*** Opening of Extracted records ***
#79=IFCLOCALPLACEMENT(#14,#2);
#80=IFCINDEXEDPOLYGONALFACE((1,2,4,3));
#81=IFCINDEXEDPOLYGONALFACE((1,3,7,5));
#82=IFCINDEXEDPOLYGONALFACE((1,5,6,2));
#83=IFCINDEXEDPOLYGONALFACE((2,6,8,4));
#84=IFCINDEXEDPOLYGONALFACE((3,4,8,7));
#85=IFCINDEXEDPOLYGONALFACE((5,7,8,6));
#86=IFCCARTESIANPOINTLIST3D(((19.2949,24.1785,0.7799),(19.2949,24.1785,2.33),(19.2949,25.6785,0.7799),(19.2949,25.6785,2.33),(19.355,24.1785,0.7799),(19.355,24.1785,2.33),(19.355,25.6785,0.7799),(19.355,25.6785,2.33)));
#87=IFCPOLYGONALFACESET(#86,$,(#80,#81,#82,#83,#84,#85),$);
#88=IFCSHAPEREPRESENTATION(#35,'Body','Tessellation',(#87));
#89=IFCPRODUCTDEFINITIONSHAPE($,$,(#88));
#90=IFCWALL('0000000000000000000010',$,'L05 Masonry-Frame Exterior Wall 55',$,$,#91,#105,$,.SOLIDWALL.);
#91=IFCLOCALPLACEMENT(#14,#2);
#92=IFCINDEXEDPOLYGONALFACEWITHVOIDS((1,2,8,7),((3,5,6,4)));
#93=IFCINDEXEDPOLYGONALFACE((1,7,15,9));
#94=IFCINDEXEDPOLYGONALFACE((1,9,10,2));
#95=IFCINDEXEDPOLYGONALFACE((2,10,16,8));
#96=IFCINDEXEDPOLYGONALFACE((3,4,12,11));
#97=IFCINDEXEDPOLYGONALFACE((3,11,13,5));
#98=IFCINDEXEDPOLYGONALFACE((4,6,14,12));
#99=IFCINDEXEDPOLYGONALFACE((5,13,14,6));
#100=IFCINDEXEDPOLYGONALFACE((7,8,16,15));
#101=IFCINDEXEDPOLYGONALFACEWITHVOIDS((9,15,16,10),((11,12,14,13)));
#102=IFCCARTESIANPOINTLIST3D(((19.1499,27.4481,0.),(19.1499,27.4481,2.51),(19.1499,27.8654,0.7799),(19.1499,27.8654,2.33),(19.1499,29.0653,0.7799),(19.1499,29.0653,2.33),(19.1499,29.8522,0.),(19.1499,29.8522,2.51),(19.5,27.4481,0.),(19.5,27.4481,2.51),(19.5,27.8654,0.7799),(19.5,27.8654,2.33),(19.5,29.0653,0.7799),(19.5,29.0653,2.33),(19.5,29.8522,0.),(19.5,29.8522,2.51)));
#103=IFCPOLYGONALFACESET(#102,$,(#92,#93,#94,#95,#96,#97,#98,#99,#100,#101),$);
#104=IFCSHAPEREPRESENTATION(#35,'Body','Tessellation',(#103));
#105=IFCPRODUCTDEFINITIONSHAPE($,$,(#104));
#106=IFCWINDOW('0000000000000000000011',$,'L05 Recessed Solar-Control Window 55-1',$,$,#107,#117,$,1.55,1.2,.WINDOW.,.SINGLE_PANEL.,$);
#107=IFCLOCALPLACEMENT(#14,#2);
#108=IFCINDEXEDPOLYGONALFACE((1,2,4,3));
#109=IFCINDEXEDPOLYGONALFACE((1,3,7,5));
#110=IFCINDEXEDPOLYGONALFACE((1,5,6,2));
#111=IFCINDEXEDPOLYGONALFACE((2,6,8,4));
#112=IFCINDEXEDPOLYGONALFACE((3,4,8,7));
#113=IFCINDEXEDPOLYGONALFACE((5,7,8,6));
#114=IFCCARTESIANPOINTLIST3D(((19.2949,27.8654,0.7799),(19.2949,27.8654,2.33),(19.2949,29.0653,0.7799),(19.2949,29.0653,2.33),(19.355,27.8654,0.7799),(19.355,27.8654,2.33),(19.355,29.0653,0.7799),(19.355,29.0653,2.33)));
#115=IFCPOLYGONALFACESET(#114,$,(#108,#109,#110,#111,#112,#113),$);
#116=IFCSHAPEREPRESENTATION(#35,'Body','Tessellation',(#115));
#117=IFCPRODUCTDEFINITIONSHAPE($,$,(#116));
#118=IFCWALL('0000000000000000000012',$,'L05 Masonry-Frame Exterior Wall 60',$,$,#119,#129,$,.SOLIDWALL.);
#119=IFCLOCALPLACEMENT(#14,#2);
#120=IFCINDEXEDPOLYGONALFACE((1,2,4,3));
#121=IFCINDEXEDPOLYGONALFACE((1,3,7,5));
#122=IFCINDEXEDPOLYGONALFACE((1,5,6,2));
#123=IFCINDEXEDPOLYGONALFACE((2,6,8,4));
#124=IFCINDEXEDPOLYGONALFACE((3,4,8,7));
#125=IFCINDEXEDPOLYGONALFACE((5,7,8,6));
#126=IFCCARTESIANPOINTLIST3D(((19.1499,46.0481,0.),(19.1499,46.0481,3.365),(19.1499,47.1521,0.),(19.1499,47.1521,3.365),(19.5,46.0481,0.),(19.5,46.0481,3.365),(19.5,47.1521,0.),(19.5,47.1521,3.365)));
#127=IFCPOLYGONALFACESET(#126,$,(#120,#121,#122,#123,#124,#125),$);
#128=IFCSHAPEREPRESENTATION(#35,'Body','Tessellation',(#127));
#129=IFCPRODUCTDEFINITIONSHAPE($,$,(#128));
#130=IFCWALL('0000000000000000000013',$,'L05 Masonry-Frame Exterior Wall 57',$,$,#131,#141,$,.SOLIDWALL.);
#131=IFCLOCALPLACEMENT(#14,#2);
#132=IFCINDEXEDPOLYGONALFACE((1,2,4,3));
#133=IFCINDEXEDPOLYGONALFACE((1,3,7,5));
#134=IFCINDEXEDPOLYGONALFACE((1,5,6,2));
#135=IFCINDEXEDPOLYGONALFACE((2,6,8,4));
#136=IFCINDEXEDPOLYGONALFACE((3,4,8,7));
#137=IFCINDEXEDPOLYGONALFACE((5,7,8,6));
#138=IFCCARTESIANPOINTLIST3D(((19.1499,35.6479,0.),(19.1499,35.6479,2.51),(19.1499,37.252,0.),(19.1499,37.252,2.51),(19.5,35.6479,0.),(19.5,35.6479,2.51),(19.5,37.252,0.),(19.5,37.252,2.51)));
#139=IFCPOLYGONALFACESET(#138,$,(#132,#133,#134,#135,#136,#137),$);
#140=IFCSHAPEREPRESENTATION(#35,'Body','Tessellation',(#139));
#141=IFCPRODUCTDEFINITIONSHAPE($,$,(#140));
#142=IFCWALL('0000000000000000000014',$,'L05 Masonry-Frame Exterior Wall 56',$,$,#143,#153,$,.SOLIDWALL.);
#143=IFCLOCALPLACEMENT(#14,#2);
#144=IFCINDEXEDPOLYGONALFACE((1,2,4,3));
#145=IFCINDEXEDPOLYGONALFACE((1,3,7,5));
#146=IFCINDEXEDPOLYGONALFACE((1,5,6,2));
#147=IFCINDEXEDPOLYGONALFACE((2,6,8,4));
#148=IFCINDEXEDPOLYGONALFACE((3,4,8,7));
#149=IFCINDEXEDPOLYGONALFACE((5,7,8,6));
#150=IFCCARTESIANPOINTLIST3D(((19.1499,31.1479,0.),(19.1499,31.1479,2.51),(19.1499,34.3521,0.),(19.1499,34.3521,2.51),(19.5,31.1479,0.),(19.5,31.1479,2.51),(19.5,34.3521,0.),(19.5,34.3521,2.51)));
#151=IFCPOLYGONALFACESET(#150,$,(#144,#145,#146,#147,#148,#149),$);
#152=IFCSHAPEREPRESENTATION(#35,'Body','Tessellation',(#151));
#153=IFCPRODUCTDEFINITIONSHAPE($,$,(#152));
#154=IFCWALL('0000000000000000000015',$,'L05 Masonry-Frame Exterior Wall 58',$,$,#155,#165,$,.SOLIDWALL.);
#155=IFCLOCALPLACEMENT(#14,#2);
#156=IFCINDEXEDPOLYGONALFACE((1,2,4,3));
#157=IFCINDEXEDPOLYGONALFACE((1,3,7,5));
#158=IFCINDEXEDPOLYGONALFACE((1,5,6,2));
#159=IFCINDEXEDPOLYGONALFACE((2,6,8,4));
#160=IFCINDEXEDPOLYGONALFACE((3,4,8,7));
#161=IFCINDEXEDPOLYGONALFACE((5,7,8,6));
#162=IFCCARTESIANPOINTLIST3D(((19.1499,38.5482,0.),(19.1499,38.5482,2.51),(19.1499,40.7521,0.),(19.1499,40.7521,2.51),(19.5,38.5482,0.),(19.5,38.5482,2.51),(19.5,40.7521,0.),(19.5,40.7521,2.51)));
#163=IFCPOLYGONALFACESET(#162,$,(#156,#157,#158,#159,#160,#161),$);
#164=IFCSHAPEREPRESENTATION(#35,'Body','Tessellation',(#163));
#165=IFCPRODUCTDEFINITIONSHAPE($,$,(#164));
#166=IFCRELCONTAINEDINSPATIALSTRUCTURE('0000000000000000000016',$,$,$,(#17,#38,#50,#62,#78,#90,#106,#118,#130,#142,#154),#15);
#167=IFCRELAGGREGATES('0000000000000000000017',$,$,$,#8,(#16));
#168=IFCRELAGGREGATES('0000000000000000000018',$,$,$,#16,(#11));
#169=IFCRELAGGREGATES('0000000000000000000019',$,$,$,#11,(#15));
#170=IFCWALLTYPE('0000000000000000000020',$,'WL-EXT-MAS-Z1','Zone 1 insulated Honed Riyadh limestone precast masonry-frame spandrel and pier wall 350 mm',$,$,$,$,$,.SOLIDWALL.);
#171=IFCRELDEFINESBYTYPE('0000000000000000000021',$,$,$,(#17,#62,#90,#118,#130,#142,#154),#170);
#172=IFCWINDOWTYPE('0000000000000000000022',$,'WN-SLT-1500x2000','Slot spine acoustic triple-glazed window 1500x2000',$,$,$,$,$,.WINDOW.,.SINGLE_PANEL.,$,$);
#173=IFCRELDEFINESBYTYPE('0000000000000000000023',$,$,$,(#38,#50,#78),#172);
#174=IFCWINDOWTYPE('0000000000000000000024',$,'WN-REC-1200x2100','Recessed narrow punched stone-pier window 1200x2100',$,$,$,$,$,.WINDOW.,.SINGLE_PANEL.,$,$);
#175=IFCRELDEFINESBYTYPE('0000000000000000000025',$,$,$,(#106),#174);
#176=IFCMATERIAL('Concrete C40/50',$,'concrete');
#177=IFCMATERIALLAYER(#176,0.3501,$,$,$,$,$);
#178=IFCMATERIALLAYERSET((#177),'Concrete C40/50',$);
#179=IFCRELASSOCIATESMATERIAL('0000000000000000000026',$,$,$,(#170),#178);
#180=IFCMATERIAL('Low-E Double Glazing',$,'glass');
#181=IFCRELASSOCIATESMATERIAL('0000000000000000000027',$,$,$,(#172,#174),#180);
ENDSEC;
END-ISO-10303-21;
*** Close of Extracted records ***
Exercise aim ▸
Report all lines of the material that contain the word "Tessellation".

Answer section ▸
#88=IFCSHAPEREPRESENTATION(#35,'Body','Tessellation',(#87));
#104=IFCSHAPEREPRESENTATION(#35,'Body','Tessellation',(#103));
#116=IFCSHAPEREPRESENTATION(#35,'Body','Tessellation',(#115));
#128=IFCSHAPEREPRESENTATION(#35,'Body','Tessellation',(#127));
#140=IFCSHAPEREPRESENTATION(#35,'Body','Tessellation',(#139));
#152=IFCSHAPEREPRESENTATION(#35,'Body','Tessellation',(#151));
#164=IFCSHAPEREPRESENTATION(#35,'Body','Tessellation',(#163));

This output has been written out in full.